> _Records contained in a dataset_:
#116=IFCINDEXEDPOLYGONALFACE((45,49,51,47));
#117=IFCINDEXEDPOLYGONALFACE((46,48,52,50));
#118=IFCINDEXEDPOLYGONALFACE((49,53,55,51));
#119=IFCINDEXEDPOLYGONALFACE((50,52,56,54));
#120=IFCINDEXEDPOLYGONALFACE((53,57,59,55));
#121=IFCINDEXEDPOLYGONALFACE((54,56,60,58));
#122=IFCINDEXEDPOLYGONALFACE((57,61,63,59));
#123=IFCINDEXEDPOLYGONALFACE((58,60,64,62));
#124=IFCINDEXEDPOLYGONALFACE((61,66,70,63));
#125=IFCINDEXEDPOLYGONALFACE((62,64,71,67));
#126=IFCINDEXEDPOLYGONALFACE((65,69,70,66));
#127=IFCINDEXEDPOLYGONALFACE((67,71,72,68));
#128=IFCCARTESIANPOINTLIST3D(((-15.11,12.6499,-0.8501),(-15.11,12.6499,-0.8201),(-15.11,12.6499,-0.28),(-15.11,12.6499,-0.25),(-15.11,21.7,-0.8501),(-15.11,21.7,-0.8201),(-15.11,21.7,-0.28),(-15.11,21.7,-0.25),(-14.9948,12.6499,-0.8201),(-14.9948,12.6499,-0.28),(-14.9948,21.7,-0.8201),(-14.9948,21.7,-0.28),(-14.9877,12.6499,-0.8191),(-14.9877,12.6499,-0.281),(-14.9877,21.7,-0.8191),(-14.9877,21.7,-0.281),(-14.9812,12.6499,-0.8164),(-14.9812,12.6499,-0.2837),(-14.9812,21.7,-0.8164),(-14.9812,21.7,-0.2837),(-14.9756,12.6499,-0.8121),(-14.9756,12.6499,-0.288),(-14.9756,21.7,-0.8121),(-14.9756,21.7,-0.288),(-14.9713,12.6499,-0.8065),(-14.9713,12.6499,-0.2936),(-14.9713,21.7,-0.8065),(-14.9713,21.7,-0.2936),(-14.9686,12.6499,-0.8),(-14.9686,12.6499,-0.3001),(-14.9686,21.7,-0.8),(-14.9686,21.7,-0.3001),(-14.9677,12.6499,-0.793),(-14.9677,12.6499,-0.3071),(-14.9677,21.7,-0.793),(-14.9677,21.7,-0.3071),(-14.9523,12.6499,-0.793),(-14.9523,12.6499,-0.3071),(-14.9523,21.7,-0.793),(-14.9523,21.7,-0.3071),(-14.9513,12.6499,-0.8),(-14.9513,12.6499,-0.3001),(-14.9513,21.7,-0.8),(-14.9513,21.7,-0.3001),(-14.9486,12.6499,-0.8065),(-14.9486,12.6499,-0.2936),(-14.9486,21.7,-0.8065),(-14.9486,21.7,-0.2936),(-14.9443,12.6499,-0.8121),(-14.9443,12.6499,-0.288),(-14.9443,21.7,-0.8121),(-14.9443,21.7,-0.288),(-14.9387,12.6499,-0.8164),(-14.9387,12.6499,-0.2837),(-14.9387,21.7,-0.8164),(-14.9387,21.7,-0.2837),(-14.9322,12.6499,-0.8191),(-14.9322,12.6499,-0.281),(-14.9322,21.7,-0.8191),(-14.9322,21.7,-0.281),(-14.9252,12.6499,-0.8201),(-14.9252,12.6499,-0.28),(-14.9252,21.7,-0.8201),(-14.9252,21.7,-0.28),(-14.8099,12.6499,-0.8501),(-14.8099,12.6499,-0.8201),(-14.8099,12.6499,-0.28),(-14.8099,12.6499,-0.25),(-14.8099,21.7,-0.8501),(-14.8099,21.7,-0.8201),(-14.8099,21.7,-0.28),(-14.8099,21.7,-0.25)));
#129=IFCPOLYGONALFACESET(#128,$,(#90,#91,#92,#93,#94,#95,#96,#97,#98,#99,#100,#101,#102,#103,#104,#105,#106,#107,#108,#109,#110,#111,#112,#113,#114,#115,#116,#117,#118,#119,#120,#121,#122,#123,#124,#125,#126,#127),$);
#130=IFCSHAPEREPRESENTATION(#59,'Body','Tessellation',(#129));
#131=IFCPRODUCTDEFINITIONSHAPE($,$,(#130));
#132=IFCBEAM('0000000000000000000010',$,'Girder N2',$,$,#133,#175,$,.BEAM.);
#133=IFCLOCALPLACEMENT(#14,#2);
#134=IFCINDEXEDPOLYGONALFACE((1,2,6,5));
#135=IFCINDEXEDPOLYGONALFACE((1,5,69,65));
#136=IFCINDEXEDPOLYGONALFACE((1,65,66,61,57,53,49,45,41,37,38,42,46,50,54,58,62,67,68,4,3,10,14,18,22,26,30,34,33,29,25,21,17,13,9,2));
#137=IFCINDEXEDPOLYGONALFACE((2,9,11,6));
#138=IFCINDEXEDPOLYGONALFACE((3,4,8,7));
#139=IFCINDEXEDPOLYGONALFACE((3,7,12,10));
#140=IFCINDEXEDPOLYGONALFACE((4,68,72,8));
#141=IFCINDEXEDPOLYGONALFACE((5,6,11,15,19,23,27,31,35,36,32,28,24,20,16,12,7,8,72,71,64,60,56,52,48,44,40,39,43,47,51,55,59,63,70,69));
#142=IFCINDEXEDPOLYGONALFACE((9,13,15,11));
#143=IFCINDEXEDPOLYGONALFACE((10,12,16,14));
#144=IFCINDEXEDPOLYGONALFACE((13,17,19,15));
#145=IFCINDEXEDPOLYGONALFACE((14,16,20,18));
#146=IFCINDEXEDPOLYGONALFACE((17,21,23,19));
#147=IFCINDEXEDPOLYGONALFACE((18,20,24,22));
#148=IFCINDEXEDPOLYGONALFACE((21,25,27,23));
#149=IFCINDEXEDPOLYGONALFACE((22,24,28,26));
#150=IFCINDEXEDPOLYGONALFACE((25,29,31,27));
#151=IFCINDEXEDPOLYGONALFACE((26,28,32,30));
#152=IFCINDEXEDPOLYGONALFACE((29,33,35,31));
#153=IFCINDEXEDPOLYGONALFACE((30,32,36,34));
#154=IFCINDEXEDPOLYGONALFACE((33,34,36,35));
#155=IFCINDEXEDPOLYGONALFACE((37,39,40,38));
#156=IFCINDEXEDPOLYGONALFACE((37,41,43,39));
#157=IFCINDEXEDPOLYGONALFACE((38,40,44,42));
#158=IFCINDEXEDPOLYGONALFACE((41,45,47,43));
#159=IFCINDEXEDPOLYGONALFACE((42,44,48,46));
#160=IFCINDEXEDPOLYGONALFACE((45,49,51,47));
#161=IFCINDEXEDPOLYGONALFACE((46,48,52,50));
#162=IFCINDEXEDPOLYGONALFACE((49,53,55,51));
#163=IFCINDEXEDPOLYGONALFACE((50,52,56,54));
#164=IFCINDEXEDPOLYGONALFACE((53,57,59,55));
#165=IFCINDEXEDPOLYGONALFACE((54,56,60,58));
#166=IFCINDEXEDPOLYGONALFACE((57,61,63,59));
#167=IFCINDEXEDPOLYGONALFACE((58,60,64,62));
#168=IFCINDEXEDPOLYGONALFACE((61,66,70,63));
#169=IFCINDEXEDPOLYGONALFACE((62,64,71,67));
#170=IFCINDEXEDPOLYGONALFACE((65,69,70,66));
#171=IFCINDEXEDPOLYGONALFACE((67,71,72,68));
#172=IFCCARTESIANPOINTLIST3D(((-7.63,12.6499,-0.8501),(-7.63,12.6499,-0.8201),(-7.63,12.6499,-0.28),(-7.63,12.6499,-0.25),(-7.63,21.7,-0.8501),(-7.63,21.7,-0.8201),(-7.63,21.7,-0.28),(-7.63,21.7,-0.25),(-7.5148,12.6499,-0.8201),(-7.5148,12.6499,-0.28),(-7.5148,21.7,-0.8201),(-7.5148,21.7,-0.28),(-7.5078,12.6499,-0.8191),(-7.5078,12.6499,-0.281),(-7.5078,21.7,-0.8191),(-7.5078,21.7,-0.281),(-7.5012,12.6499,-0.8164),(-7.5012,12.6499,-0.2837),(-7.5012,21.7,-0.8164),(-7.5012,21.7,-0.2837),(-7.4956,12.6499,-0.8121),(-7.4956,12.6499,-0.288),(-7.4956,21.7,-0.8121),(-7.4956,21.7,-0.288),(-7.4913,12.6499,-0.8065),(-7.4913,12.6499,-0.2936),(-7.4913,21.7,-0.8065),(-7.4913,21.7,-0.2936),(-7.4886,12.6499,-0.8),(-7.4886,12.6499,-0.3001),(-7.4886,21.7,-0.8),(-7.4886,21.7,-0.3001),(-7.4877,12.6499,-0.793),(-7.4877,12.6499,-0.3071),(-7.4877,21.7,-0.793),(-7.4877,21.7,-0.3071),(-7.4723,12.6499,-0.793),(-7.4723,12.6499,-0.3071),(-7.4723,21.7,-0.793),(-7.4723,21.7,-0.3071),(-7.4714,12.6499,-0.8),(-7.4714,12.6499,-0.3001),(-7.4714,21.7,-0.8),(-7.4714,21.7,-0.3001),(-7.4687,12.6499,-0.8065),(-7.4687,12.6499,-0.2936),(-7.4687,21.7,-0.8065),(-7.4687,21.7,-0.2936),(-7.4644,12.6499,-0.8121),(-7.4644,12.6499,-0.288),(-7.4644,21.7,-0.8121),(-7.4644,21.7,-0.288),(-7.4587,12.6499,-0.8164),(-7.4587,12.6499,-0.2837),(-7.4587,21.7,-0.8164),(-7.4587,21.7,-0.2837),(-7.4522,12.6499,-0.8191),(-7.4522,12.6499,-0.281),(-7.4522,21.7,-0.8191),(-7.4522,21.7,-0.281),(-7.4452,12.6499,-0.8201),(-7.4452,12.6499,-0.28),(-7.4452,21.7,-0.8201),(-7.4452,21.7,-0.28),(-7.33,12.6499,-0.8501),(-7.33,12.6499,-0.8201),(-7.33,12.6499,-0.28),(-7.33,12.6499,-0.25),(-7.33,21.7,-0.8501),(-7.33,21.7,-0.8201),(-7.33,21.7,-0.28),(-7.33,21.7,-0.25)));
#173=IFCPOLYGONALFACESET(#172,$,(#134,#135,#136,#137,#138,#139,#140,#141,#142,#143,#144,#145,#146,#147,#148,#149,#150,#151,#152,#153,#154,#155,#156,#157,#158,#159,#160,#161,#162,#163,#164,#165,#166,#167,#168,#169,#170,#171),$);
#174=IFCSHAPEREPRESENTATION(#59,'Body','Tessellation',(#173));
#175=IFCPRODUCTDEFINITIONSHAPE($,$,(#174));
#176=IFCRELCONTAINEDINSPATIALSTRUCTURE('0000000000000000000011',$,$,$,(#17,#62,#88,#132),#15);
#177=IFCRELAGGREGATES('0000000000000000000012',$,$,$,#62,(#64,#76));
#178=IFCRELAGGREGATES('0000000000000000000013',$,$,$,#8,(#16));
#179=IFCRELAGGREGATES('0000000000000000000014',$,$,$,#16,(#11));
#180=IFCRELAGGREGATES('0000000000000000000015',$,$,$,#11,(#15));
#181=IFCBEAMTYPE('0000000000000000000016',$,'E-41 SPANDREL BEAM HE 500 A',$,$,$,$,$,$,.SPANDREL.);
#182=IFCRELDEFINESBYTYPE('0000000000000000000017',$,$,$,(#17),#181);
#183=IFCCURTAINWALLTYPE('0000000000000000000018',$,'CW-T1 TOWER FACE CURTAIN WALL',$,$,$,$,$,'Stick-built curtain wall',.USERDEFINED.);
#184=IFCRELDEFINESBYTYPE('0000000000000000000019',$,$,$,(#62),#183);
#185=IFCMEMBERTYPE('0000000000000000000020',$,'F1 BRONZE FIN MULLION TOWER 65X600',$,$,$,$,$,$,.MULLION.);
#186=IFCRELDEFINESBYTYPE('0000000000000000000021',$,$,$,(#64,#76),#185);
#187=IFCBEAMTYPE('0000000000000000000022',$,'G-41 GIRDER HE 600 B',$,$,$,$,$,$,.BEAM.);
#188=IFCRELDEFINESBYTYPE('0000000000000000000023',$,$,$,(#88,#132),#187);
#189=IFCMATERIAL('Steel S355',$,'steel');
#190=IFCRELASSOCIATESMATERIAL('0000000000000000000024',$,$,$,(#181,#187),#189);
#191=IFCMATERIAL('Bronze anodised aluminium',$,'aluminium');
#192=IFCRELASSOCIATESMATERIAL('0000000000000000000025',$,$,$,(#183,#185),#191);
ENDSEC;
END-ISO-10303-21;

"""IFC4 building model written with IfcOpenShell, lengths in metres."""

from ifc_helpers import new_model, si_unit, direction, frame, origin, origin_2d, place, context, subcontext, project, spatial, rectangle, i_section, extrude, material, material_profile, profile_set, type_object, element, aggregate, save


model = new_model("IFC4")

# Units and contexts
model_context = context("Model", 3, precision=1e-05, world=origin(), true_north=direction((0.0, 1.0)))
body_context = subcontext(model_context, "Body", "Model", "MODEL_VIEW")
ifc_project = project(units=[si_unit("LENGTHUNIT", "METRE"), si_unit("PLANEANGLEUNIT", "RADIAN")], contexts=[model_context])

> _Problem to work on_:
Your reply should hold every line from the data that contains "contexts", copied in full.

> _Problem solution_:
# Units and contexts
ifc_project = project(units=[si_unit("LENGTHUNIT", "METRE"), si_unit("PLANEANGLEUNIT", "RADIAN")], contexts=[model_context])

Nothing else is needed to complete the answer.